#### [Problem to solve]
The records should be restated exactly from their first line through the line with "#166=IFCINDEXEDPOLYGONALFACE((1,5,6,2));" in it.

#### [Materials provided]
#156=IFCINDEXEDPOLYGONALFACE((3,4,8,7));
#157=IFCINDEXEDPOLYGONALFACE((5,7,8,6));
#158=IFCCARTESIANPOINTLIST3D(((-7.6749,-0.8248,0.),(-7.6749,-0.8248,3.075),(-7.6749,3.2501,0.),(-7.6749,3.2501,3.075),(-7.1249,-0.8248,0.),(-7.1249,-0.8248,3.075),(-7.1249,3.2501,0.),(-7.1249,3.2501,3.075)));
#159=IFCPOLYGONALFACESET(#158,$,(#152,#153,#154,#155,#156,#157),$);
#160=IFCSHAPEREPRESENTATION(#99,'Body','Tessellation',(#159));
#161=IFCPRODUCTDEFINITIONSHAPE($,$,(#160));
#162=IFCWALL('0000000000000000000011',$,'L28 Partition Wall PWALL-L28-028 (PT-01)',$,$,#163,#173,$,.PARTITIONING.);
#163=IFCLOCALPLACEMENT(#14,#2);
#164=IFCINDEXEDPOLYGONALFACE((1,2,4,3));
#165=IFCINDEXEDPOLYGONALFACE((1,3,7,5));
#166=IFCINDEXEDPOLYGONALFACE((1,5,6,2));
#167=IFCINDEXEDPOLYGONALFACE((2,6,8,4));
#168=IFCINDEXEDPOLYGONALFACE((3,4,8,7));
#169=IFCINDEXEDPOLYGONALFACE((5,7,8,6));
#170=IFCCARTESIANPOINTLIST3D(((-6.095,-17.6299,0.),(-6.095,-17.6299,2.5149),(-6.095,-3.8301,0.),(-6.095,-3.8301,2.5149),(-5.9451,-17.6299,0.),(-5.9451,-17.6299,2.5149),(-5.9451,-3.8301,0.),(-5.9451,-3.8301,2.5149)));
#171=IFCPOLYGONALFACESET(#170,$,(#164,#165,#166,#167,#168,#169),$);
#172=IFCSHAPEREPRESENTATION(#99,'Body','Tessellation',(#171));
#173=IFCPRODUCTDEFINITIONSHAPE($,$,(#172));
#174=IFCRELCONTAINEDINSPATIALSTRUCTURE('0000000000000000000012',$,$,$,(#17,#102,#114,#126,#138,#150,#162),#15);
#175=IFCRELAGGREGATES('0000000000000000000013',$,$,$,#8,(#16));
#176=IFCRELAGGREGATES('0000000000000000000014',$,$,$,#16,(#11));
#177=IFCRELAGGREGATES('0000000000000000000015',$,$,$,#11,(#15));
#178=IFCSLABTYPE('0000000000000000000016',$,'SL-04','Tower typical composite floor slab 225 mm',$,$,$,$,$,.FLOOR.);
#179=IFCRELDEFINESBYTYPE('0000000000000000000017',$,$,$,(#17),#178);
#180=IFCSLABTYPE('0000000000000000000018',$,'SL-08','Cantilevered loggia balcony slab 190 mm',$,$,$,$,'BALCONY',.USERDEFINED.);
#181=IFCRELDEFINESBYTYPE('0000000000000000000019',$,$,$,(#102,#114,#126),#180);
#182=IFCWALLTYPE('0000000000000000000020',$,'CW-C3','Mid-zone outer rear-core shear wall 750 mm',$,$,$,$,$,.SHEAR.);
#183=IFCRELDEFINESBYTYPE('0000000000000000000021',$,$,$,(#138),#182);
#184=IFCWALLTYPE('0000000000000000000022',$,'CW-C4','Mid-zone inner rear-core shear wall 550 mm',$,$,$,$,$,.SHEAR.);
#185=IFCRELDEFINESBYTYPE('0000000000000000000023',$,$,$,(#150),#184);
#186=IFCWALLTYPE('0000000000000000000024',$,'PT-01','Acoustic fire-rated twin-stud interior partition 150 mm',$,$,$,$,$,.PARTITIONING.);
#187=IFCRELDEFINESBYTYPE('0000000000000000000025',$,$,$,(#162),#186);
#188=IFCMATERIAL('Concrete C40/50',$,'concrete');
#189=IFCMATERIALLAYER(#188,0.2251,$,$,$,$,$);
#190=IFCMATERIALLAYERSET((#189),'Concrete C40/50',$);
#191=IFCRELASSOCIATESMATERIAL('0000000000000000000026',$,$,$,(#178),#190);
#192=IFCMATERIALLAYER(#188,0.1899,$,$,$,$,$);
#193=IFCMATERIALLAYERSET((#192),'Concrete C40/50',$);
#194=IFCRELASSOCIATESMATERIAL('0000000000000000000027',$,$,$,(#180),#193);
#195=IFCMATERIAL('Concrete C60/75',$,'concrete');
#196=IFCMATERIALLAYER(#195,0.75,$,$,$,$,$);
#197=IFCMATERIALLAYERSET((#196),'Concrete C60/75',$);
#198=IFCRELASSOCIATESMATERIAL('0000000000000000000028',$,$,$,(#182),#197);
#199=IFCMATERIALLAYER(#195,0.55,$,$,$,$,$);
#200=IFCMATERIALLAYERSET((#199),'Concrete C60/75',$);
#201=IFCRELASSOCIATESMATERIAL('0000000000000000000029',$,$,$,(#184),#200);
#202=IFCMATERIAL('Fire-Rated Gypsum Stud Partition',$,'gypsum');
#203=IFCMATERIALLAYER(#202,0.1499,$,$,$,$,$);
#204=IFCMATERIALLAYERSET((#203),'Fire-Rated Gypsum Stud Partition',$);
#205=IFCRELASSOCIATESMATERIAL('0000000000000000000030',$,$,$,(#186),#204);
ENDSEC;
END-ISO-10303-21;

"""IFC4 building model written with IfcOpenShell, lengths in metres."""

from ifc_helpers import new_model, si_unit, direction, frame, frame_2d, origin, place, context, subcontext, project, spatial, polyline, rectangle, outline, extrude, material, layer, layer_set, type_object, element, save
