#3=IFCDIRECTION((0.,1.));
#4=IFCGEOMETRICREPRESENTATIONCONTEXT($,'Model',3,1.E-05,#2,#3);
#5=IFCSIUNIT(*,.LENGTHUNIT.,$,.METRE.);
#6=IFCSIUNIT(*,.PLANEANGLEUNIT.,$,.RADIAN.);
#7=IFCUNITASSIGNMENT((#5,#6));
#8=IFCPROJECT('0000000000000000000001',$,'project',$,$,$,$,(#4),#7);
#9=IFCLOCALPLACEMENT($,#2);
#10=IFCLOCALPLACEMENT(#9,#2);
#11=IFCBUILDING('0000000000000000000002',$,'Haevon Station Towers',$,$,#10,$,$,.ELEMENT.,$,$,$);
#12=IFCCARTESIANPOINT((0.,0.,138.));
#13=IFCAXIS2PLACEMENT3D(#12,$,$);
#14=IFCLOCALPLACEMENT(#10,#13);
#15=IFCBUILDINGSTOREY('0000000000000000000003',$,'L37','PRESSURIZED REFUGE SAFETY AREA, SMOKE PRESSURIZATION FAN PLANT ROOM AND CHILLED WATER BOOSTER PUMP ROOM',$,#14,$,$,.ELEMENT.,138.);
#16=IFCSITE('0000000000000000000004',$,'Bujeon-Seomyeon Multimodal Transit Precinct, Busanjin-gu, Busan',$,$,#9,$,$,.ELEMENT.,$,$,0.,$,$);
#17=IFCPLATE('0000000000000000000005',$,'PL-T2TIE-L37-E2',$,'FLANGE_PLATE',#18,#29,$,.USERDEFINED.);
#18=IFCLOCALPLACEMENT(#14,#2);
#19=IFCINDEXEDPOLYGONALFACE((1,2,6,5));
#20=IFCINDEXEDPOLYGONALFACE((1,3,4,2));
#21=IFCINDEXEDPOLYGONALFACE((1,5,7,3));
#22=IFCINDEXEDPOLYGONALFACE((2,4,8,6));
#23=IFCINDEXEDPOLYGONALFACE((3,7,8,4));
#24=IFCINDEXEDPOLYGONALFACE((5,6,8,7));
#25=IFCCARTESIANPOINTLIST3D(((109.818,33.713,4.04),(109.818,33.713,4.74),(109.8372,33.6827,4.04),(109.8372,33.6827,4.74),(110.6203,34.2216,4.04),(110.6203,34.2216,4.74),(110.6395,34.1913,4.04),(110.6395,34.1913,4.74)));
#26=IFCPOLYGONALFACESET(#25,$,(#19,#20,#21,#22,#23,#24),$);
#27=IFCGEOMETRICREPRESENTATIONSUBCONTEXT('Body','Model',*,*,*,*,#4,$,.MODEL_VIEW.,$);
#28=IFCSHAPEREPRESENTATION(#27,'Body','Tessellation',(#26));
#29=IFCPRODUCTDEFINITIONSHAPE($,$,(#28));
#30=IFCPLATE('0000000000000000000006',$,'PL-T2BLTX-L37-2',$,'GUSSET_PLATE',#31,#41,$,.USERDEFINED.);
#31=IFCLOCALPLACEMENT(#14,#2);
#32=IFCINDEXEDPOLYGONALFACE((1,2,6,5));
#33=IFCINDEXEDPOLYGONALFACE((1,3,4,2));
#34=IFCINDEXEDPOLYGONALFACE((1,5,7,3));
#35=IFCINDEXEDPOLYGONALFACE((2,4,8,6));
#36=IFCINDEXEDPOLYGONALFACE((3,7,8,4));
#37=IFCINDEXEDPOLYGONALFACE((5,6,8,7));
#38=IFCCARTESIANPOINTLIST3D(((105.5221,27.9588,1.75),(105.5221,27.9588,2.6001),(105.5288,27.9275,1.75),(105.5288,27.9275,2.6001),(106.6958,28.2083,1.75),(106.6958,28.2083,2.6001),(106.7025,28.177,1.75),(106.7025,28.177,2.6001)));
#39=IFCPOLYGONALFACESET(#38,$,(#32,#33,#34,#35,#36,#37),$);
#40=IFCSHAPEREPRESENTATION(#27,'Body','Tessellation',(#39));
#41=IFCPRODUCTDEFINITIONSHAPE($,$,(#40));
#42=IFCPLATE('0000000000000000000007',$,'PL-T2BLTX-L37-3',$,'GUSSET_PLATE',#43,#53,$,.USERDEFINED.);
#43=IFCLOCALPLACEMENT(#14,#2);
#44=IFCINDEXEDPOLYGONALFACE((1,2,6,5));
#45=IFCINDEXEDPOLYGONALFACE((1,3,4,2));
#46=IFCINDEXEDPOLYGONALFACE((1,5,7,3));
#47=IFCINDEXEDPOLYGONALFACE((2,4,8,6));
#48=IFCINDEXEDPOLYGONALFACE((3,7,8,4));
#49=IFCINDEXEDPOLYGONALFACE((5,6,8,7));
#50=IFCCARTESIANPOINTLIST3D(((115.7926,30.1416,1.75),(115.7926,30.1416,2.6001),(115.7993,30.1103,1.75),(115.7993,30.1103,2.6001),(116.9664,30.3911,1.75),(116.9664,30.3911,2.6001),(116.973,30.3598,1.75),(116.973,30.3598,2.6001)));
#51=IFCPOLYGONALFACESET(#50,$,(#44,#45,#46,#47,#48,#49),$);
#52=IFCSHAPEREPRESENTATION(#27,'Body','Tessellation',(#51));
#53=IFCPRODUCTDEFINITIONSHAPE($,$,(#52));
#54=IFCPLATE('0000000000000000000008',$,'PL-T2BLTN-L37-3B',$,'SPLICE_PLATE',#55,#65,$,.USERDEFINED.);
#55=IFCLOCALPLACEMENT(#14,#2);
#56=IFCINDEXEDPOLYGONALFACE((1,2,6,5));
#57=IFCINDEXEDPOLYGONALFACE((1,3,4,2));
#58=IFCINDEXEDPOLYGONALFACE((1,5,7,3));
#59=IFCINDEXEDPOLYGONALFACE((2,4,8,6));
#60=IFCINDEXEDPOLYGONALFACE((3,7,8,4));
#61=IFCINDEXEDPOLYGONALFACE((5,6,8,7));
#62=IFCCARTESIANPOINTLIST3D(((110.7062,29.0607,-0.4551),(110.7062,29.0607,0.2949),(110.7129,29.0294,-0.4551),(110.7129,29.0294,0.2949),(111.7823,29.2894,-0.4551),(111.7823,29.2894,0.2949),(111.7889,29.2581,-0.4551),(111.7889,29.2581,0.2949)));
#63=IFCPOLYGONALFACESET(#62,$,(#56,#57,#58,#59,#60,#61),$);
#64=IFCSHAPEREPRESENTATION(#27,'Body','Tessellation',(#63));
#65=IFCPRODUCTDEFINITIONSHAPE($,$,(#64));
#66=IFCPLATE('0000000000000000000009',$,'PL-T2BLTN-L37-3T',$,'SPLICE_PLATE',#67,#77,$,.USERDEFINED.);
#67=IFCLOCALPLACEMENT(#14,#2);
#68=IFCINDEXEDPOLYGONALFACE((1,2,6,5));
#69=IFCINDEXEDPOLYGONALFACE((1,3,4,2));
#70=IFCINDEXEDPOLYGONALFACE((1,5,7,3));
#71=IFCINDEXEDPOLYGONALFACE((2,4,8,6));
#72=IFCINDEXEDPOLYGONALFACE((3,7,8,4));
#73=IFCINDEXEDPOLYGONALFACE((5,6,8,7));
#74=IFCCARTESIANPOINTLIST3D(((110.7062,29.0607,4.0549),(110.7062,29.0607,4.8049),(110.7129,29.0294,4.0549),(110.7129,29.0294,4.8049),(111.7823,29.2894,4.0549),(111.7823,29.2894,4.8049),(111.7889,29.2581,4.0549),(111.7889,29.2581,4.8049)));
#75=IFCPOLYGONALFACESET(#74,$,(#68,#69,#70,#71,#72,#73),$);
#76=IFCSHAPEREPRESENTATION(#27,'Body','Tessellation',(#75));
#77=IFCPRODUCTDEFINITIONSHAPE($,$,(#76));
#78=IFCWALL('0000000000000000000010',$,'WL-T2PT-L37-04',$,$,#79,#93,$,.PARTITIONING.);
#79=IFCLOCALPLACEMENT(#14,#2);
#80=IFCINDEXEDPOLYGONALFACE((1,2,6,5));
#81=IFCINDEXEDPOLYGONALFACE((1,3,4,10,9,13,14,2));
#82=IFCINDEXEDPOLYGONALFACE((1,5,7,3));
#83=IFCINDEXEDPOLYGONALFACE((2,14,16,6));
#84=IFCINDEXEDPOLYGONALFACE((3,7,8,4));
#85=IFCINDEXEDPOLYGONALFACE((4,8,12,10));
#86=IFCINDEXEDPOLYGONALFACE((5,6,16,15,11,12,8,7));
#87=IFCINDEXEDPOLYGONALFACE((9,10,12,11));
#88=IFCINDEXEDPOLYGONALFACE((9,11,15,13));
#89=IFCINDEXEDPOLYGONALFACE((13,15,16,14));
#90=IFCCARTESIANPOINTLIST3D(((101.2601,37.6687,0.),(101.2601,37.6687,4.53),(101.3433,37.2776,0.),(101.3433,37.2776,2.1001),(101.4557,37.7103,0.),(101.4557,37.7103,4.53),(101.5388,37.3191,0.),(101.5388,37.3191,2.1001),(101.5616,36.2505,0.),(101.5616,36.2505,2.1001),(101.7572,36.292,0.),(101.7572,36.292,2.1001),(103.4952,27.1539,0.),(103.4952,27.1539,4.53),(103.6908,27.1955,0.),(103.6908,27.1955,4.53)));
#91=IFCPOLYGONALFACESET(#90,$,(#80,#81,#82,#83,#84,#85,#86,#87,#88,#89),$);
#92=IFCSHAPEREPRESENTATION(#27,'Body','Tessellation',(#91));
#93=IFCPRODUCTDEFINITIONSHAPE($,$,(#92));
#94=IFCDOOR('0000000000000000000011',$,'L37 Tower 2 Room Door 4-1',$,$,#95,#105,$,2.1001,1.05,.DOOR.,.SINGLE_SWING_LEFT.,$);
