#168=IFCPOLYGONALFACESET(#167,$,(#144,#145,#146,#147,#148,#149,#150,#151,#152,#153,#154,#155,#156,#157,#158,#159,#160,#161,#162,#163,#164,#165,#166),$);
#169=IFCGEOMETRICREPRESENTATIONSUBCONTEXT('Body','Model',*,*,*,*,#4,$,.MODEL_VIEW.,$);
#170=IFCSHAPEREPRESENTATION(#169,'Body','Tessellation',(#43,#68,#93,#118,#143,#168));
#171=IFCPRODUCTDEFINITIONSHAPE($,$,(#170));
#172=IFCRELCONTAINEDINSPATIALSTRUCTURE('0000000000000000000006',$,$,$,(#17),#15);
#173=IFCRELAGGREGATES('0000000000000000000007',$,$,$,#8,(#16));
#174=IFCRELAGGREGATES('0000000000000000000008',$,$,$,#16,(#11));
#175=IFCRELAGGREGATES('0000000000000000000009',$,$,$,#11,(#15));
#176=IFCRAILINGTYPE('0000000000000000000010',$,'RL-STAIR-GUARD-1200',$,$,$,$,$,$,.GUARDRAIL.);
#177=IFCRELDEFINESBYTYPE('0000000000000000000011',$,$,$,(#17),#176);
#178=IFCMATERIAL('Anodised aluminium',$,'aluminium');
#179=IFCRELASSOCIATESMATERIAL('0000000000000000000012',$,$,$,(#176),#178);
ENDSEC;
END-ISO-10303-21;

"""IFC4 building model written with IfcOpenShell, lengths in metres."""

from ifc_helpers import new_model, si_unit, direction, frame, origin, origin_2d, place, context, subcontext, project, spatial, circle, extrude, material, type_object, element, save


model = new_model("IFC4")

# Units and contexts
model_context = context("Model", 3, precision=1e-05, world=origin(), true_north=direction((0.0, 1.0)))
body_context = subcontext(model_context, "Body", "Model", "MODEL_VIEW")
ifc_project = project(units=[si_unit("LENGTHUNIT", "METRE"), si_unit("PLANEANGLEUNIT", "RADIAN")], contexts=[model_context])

#### [Result]
#156=IFCINDEXEDPOLYGONALFACE((3,4,8,7));
#157=IFCINDEXEDPOLYGONALFACE((5,7,8,6));
#158=IFCCARTESIANPOINTLIST3D(((-7.6749,-0.8248,0.),(-7.6749,-0.8248,3.075),(-7.6749,3.2501,0.),(-7.6749,3.2501,3.075),(-7.1249,-0.8248,0.),(-7.1249,-0.8248,3.075),(-7.1249,3.2501,0.),(-7.1249,3.2501,3.075)));
#159=IFCPOLYGONALFACESET(#158,$,(#152,#153,#154,#155,#156,#157),$);
#160=IFCSHAPEREPRESENTATION(#99,'Body','Tessellation',(#159));
#161=IFCPRODUCTDEFINITIONSHAPE($,$,(#160));
#162=IFCWALL('0000000000000000000011',$,'L28 Partition Wall PWALL-L28-028 (PT-01)',$,$,#163,#173,$,.PARTITIONING.);
#163=IFCLOCALPLACEMENT(#14,#2);
#164=IFCINDEXEDPOLYGONALFACE((1,2,4,3));
#165=IFCINDEXEDPOLYGONALFACE((1,3,7,5));
#166=IFCINDEXEDPOLYGONALFACE((1,5,6,2));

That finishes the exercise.